WORK REQUIRED. When you reach the line that contains "#4=IFCGEOMETRICREPRESENTATIONCONTEXT($,'Model',3,1.E-05,#2,#3);" in the data below, start reproducing lines exactly, and stop after the line that contains "#9=IFCLOCALPLACEMENT($,#2);".

RECORDS SHOWN.

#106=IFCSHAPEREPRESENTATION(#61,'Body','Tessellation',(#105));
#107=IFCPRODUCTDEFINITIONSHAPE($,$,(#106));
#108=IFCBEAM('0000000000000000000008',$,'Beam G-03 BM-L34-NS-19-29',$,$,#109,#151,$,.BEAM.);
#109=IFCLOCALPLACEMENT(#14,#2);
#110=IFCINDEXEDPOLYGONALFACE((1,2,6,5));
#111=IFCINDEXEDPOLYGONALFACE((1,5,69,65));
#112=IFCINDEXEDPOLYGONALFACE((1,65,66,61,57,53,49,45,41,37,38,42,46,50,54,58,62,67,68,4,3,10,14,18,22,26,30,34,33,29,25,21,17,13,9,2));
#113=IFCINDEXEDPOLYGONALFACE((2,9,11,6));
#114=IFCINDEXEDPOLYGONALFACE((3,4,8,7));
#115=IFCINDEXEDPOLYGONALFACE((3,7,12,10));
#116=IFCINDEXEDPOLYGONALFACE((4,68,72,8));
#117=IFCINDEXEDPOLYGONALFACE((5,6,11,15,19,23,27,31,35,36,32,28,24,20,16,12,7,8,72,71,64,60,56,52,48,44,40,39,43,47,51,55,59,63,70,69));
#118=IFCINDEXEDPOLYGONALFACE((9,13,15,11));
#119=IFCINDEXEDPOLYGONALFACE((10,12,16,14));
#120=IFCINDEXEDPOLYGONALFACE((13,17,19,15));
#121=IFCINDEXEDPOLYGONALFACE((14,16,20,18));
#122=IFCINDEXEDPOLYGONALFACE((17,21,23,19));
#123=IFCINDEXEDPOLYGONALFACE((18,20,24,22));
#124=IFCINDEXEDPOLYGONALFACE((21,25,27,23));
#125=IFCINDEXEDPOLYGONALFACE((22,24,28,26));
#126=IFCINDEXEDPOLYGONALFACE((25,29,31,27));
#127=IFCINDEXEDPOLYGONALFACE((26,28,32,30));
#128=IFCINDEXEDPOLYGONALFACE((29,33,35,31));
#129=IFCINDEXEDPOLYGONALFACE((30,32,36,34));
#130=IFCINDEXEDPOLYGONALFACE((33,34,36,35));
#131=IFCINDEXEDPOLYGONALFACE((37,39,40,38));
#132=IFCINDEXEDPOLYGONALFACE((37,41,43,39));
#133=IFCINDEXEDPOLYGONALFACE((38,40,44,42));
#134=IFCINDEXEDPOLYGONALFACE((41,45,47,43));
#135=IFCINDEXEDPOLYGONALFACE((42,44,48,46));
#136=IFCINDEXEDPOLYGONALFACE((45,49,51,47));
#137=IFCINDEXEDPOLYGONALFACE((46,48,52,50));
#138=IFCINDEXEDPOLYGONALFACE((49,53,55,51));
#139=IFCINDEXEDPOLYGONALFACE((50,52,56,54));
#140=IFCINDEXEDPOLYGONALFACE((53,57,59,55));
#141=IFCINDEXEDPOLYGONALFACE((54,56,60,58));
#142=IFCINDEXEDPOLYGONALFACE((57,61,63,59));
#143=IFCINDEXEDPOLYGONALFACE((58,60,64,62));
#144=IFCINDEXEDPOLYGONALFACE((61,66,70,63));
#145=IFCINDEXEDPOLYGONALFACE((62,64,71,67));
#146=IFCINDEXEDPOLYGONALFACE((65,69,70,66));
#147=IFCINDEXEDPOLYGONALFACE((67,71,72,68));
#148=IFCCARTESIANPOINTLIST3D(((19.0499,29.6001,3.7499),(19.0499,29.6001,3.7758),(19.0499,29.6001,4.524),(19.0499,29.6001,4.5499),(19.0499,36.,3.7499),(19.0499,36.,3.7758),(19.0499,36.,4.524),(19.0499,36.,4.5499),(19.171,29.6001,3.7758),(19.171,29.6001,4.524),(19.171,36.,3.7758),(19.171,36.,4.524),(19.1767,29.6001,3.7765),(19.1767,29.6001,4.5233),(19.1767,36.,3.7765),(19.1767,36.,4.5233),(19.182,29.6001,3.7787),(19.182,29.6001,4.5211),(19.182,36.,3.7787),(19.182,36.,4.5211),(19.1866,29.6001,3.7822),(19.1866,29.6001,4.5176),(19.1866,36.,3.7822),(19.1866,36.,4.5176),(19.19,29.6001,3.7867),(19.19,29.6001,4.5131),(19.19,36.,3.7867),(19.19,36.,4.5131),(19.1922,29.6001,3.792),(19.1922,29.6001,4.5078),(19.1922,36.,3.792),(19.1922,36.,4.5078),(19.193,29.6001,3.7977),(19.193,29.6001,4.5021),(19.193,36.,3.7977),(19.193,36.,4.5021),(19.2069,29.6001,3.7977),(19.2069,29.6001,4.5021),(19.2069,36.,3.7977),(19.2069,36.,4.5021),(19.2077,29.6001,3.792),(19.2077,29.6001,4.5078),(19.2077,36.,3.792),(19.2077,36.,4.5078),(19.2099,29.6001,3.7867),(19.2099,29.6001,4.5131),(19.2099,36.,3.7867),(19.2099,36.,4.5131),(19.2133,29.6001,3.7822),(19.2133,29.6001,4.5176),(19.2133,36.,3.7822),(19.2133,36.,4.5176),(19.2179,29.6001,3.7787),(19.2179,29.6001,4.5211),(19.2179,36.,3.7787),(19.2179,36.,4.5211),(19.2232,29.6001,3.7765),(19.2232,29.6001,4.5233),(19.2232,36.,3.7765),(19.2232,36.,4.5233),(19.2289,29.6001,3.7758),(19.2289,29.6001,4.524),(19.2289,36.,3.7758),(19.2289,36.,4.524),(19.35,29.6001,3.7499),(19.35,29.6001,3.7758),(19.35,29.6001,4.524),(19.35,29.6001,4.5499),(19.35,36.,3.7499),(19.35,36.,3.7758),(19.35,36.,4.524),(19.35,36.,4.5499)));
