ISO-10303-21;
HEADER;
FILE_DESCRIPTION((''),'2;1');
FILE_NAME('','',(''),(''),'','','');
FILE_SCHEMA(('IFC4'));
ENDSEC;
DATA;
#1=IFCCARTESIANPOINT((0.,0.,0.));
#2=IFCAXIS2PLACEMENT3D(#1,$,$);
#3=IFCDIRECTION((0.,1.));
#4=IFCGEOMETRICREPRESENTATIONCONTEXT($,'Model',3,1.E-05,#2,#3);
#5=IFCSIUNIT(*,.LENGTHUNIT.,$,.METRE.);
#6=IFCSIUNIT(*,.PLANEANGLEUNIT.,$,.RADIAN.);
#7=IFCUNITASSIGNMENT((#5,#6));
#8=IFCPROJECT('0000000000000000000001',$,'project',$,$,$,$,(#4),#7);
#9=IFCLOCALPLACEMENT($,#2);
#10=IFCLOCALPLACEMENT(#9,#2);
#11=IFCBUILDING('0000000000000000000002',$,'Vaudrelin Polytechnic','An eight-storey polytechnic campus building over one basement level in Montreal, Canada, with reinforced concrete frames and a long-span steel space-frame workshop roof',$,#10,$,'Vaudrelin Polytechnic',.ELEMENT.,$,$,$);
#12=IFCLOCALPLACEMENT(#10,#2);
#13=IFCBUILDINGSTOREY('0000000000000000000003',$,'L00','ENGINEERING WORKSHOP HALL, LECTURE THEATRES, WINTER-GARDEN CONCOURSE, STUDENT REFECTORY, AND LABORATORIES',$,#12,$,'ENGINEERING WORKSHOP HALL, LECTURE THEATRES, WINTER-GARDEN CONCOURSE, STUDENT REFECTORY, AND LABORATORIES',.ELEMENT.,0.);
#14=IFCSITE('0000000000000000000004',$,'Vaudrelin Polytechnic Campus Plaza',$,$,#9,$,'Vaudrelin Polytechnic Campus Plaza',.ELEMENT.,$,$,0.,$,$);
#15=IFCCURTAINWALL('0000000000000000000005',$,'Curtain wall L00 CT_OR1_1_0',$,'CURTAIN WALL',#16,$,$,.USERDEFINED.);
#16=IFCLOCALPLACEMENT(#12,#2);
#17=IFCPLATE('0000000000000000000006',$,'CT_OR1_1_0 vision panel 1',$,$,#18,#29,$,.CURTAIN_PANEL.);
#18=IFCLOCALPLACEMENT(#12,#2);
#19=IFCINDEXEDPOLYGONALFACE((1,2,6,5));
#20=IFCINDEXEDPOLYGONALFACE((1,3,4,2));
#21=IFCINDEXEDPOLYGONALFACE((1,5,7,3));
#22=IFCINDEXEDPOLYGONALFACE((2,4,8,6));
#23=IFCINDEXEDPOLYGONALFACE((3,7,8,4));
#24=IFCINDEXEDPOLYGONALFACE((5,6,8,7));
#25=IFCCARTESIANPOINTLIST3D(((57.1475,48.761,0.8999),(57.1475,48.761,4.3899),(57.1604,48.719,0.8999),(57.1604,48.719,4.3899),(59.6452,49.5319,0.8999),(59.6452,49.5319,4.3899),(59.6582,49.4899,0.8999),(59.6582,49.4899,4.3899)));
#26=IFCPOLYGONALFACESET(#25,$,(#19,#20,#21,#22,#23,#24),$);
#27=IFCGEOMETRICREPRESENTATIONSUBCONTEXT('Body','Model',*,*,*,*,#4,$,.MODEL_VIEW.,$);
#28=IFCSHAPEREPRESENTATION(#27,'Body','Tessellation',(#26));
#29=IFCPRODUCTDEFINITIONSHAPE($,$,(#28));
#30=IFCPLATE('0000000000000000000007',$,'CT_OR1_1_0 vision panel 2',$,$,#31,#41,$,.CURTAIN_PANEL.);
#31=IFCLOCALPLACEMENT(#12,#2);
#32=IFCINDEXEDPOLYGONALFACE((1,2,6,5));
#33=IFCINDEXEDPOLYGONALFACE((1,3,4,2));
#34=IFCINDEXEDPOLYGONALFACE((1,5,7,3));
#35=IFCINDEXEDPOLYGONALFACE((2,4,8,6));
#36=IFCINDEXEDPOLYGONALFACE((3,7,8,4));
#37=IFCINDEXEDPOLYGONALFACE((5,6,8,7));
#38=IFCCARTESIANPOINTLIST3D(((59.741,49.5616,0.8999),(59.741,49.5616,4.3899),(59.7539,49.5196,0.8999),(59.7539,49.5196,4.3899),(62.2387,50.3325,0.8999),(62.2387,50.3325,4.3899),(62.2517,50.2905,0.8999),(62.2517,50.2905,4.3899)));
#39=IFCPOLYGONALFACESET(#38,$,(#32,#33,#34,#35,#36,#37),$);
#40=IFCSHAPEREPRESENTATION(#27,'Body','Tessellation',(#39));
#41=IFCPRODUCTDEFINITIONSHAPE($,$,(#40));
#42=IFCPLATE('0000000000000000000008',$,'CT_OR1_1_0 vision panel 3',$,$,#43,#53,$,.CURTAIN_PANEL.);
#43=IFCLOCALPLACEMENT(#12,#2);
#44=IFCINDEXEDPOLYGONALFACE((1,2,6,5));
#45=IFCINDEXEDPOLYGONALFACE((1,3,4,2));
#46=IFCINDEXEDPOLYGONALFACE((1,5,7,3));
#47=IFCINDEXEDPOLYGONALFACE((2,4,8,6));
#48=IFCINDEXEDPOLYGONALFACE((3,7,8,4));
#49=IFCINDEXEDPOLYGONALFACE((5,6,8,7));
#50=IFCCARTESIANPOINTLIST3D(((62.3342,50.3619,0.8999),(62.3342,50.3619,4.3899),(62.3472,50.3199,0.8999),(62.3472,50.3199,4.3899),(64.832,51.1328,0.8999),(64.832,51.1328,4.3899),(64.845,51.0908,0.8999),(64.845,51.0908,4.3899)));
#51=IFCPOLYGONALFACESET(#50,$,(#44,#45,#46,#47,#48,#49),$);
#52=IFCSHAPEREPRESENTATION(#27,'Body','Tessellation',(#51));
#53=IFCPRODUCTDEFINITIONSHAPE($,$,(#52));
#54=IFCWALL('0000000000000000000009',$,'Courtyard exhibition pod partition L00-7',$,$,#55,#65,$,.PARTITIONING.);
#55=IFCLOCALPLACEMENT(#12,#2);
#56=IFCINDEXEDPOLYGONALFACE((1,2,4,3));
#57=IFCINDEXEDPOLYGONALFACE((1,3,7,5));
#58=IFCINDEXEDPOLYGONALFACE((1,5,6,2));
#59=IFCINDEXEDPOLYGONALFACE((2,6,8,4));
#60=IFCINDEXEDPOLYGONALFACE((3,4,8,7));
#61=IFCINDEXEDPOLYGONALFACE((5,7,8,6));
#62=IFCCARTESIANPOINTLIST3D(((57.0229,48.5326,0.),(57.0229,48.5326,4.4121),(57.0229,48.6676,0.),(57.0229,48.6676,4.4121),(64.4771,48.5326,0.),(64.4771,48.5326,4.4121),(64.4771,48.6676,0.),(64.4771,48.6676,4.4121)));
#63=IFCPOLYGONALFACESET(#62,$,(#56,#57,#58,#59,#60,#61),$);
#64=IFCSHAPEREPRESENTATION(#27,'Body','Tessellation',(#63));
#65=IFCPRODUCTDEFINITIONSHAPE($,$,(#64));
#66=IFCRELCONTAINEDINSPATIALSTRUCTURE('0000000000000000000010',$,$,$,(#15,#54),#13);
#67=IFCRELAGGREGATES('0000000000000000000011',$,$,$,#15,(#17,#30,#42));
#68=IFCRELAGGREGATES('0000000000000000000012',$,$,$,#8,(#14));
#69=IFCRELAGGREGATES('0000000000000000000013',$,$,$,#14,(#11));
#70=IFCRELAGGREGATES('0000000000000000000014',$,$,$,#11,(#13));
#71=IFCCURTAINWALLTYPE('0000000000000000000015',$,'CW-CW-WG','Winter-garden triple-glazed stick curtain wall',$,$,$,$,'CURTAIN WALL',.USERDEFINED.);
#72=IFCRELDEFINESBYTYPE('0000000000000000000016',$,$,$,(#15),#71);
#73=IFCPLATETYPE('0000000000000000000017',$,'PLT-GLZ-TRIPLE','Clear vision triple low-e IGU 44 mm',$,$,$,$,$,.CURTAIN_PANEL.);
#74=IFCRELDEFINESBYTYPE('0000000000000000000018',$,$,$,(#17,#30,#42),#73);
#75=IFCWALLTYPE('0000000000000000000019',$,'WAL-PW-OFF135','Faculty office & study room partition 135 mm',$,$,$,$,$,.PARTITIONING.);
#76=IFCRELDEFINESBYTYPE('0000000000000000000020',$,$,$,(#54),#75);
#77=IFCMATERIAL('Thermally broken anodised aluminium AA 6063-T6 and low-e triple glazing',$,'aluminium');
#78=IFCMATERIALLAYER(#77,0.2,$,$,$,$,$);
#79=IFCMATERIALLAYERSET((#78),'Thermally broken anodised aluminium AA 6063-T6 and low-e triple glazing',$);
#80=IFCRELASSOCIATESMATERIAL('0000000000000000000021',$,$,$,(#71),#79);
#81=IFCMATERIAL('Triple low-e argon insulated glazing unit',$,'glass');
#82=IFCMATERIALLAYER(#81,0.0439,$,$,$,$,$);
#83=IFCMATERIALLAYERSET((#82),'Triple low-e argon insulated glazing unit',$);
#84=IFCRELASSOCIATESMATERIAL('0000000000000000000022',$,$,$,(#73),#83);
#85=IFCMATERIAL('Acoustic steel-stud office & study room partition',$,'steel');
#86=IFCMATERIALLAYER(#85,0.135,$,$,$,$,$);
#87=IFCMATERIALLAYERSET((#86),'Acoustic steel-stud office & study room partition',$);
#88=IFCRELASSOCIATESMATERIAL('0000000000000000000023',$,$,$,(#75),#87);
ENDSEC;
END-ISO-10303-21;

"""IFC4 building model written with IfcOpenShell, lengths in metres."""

from ifc_helpers import new_model, si_unit, direction, frame, frame_2d, origin, origin_2d, place, context, subcontext, project, spatial, rectangle, extrude, material, layer, layer_set, type_object, element, aggregate, save


model = new_model("IFC4")

# Units and contexts
model_context = context("Model", 3, precision=1e-05, world=origin(), true_north=direction((0.0, 1.0)))
body_context = subcontext(model_context, "Body", "Model", "MODEL_VIEW")
ifc_project = project(units=[si_unit("LENGTHUNIT", "METRE"), si_unit("PLANEANGLEUNIT", "RADIAN")], contexts=[model_context])

# Site, building, storey
site_placement = place(None, origin())
site = spatial("IfcSite", under=ifc_project, at=site_placement, Name="Vaudrelin Polytechnic Campus Plaza", LongName="Vaudrelin Polytechnic Campus Plaza", CompositionType="ELEMENT", RefElevation=0.0)
building_placement = place(site_placement, origin())
building = spatial("IfcBuilding", under=site, at=building_placement, Name="Vaudrelin Polytechnic", Description="An eight-storey polytechnic campus building over one basement level in Montreal, Canada, with reinforced concrete frames and a long-span steel space-frame workshop roof", LongName="Vaudrelin Polytechnic", CompositionType="ELEMENT")
storey_placement = place(building_placement, origin())
storey = spatial("IfcBuildingStorey", under=building, at=storey_placement, Name="L00", Description="ENGINEERING WORKSHOP HALL, LECTURE THEATRES, WINTER-GARDEN CONCOURSE, STUDENT REFECTORY, AND LABORATORIES", LongName="ENGINEERING WORKSHOP HALL, LECTURE THEATRES, WINTER-GARDEN CONCOURSE, STUDENT REFECTORY, AND LABORATORIES", CompositionType="ELEMENT", Elevation=0.0)

# Curtain wall
ifc_material_1 = material(Name="Thermally broken anodised aluminium AA 6063-T6 and low-e triple glazing", Category="aluminium")
ifc_layer_1 = layer(ifc_material_1, 0.2)
ifc_layer_set_1 = layer_set([ifc_layer_1], Name="Thermally broken anodised aluminium AA 6063-T6 and low-e triple glazing")
curtain_wall_type = type_object("IfcCurtainWallType", Name="CW-CW-WG", Description="Winter-garden triple-glazed stick curtain wall", ElementType="CURTAIN WALL", PredefinedType="USERDEFINED", material=ifc_layer_set_1)
curtain_wall_1_placement = place(storey_placement, origin())
curtain_wall_1 = element("IfcCurtainWall", 1, at=curtain_wall_1_placement, inside=storey, type_object=curtain_wall_type, Name="Curtain wall L00 CT_OR1_1_0", ObjectType="CURTAIN WALL", PredefinedType="USERDEFINED")

# Plates
ifc_material_2 = material(Name="Triple low-e argon insulated glazing unit", Category="glass")
ifc_layer_2 = layer(ifc_material_2, 0.0439)
ifc_layer_set_2 = layer_set([ifc_layer_2], Name="Triple low-e argon insulated glazing unit")
plate_type_1 = type_object("IfcPlateType", Name="PLT-GLZ-TRIPLE", Description="Clear vision triple low-e IGU 44 mm", PredefinedType="CURTAIN_PANEL", material=ifc_layer_set_2)
plate_1_placement = place(storey_placement, frame((58.4028, 49.1255, 0.8999), z_axis=(0.0, 0.0, 1.0), x_axis=(0.955526, 0.294907, 0.0)))
plate_1 = element("IfcPlate", 2, at=plate_1_placement, type_object=plate_type_1, Name="CT_OR1_1_0 vision panel 1", PredefinedType="CURTAIN_PANEL", context=body_context, shape_type="SweptSolid", body=[
    extrude(rectangle(XDim=2.614, YDim=0.0439, at=origin_2d()), origin(), (0.0, 0.0, 1.0), 3.49),
])
plate_2_placement = place(storey_placement, frame((60.9963, 49.926, 0.8999), z_axis=(0.0, 0.0, 1.0), x_axis=(0.955526, 0.294907, 0.0)))
plate_2 = element("IfcPlate", 3, at=plate_2_placement, type_object=plate_type_1, Name="CT_OR1_1_0 vision panel 2", PredefinedType="CURTAIN_PANEL", context=body_context, shape_type="SweptSolid", body=[
    extrude(rectangle(XDim=2.614, YDim=0.0439, at=origin_2d()), origin(), (0.0, 0.0, 1.0), 3.49),
])
plate_3_placement = place(storey_placement, frame((63.5896, 50.7263, 0.8999), z_axis=(0.0, 0.0, 1.0), x_axis=(0.955526, 0.294907, 0.0)))
plate_3 = element("IfcPlate", 4, at=plate_3_placement, type_object=plate_type_1, Name="CT_OR1_1_0 vision panel 3", PredefinedType="CURTAIN_PANEL", context=body_context, shape_type="SweptSolid", body=[
    extrude(rectangle(XDim=2.614, YDim=0.0439, at=origin_2d()), origin(), (0.0, 0.0, 1.0), 3.49),
])
aggregate(curtain_wall_1, [plate_1, plate_2, plate_3])

# Wall
ifc_material_3 = material(Name="Acoustic steel-stud office & study room partition", Category="steel")
ifc_layer_3 = layer(ifc_material_3, 0.135)
ifc_layer_set_3 = layer_set([ifc_layer_3], Name="Acoustic steel-stud office & study room partition")
wall_type = type_object("IfcWallType", Name="WAL-PW-OFF135", Description="Faculty office & study room partition 135 mm", PredefinedType="PARTITIONING", material=ifc_layer_set_3)
wall_placement = place(storey_placement, frame((57.0229, 48.6001, 0.0), z_axis=(0.0, 0.0, 1.0), x_axis=(1.0, 0.0, 0.0)))
element("IfcWall", 5, at=wall_placement, inside=storey, type_object=wall_type, Name="Courtyard exhibition pod partition L00-7", PredefinedType="PARTITIONING", context=body_context, shape_type="SweptSolid", body=[
    extrude(rectangle(XDim=7.4541, YDim=0.135, at=frame_2d((3.7271, 0.0))), origin(), (0.0, 0.0, 1.0), 4.4121),
])

save(model, "model.ifc")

REPLY TO THE EXERCISE.
#4=IFCGEOMETRICREPRESENTATIONCONTEXT($,'Model',3,1.E-05,#2,#3);
#5=IFCSIUNIT(*,.LENGTHUNIT.,$,.METRE.);
#6=IFCSIUNIT(*,.PLANEANGLEUNIT.,$,.RADIAN.);
#7=IFCUNITASSIGNMENT((#5,#6));
#8=IFCPROJECT('0000000000000000000001',$,'project',$,$,$,$,(#4),#7);
#9=IFCLOCALPLACEMENT($,#2);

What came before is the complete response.